### The problem
Your job with the data below: print everything from the line that holds "#185=IFCINDEXEDPOLYGONALFACE((5,6,11,12,7,8,24,23,16,15,22,21));" down to the line that holds "#191=IFCINDEXEDPOLYGONALFACE((19,23,24,20));", ends included, exactly, and nothing else.
────────────────────
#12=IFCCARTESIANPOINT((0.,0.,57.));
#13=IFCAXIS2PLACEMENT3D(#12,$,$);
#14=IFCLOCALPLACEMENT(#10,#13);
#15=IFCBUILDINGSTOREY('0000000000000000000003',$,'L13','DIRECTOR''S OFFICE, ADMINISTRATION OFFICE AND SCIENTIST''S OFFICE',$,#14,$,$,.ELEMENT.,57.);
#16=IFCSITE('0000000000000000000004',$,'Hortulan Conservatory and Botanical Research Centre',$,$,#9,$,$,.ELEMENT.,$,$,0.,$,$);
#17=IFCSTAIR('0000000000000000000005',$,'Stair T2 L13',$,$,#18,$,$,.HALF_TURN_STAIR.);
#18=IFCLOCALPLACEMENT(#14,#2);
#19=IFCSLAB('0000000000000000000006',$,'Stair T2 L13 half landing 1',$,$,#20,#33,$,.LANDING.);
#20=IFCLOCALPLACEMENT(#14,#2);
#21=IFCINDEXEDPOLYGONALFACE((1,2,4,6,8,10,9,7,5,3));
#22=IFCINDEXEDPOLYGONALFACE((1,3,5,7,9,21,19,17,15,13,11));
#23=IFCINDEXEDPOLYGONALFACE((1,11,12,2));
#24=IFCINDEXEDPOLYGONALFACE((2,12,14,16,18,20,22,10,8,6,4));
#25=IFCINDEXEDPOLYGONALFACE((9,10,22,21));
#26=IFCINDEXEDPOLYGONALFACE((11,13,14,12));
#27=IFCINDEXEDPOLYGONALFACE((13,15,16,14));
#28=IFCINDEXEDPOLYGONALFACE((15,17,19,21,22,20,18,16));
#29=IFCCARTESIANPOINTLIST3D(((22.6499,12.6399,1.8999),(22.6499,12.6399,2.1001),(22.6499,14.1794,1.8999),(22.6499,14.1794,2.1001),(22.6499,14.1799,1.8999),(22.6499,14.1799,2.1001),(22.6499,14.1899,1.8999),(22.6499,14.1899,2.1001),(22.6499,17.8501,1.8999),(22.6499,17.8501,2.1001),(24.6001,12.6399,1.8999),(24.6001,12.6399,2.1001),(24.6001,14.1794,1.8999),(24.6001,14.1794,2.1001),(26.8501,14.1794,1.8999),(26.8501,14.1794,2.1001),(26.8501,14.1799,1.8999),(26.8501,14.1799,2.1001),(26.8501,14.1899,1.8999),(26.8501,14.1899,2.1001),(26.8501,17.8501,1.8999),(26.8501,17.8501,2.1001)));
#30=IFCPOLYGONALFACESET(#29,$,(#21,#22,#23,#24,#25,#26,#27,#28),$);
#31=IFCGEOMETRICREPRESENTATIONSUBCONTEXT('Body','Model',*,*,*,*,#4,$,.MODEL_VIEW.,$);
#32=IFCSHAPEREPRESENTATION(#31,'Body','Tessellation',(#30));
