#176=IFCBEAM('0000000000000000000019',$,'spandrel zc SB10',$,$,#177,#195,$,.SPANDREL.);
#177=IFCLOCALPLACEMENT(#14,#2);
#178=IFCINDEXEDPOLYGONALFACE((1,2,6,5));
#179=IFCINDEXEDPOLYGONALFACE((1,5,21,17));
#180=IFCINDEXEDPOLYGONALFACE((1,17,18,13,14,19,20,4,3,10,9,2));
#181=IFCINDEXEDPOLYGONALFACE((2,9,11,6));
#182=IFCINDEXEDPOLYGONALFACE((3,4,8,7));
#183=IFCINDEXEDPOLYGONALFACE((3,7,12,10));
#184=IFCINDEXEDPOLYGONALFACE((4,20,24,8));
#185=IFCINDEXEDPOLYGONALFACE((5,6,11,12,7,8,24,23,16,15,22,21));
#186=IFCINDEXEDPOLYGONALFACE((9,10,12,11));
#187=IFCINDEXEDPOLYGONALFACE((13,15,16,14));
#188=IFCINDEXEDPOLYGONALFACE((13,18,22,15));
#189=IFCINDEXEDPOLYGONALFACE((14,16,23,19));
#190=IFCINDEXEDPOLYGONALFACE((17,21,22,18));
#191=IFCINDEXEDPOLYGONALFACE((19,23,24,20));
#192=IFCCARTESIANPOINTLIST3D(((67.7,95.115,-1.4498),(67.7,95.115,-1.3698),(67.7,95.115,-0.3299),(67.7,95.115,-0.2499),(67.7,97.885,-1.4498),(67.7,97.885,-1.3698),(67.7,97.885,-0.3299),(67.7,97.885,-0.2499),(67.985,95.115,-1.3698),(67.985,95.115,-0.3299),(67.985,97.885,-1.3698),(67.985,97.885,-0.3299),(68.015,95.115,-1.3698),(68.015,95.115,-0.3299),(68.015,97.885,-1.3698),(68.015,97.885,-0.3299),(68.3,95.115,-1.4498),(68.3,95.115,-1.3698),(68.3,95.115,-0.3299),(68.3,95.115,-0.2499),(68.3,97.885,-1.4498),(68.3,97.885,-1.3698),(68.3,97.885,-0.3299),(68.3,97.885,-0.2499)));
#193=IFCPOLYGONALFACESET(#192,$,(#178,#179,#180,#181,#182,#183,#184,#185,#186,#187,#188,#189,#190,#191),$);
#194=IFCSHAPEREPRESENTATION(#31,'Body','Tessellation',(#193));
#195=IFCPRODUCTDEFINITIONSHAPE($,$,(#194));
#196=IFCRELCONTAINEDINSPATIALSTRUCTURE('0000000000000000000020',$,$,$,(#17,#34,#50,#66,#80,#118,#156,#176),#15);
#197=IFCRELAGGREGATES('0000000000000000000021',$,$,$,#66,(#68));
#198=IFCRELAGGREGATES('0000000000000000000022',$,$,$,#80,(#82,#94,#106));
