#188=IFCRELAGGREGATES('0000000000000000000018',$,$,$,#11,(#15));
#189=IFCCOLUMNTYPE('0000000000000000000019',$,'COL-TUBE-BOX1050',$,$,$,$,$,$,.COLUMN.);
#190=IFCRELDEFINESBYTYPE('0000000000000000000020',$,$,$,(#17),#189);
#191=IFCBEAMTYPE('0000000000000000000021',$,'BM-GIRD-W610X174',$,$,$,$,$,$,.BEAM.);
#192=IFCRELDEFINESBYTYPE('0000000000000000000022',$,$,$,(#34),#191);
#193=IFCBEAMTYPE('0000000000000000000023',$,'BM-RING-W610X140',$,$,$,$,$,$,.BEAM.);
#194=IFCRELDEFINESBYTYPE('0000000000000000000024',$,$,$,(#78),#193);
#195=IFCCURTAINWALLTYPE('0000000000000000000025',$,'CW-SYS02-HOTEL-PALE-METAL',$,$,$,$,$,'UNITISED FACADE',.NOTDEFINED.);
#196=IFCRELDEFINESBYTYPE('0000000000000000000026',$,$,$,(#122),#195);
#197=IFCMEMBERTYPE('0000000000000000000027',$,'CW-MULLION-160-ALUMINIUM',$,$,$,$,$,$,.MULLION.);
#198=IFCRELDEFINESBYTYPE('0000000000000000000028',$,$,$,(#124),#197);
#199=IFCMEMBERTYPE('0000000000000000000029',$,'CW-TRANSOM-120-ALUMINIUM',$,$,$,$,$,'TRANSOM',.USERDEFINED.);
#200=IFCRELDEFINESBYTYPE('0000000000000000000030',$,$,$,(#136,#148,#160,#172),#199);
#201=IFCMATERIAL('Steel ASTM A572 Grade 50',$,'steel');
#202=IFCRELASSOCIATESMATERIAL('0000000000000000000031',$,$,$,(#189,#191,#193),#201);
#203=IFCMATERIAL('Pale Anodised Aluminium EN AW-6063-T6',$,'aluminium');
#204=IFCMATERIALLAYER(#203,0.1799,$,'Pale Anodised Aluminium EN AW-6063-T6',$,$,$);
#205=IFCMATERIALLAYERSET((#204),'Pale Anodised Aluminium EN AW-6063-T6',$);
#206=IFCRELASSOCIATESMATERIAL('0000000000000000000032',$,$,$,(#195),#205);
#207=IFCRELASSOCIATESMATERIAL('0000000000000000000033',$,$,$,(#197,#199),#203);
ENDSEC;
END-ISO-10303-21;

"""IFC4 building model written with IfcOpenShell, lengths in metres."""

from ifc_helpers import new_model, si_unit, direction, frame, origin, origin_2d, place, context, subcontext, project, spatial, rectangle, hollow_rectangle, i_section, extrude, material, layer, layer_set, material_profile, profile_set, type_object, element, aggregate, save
────────────────────
### Exercise response
#185=IFCINDEXEDPOLYGONALFACE((5,6,11,12,7,8,24,23,16,15,22,21));
#186=IFCINDEXEDPOLYGONALFACE((9,10,12,11));
#187=IFCINDEXEDPOLYGONALFACE((13,15,16,14));
#188=IFCINDEXEDPOLYGONALFACE((13,18,22,15));
#189=IFCINDEXEDPOLYGONALFACE((14,16,23,19));
#190=IFCINDEXEDPOLYGONALFACE((17,21,22,18));
#191=IFCINDEXEDPOLYGONALFACE((19,23,24,20));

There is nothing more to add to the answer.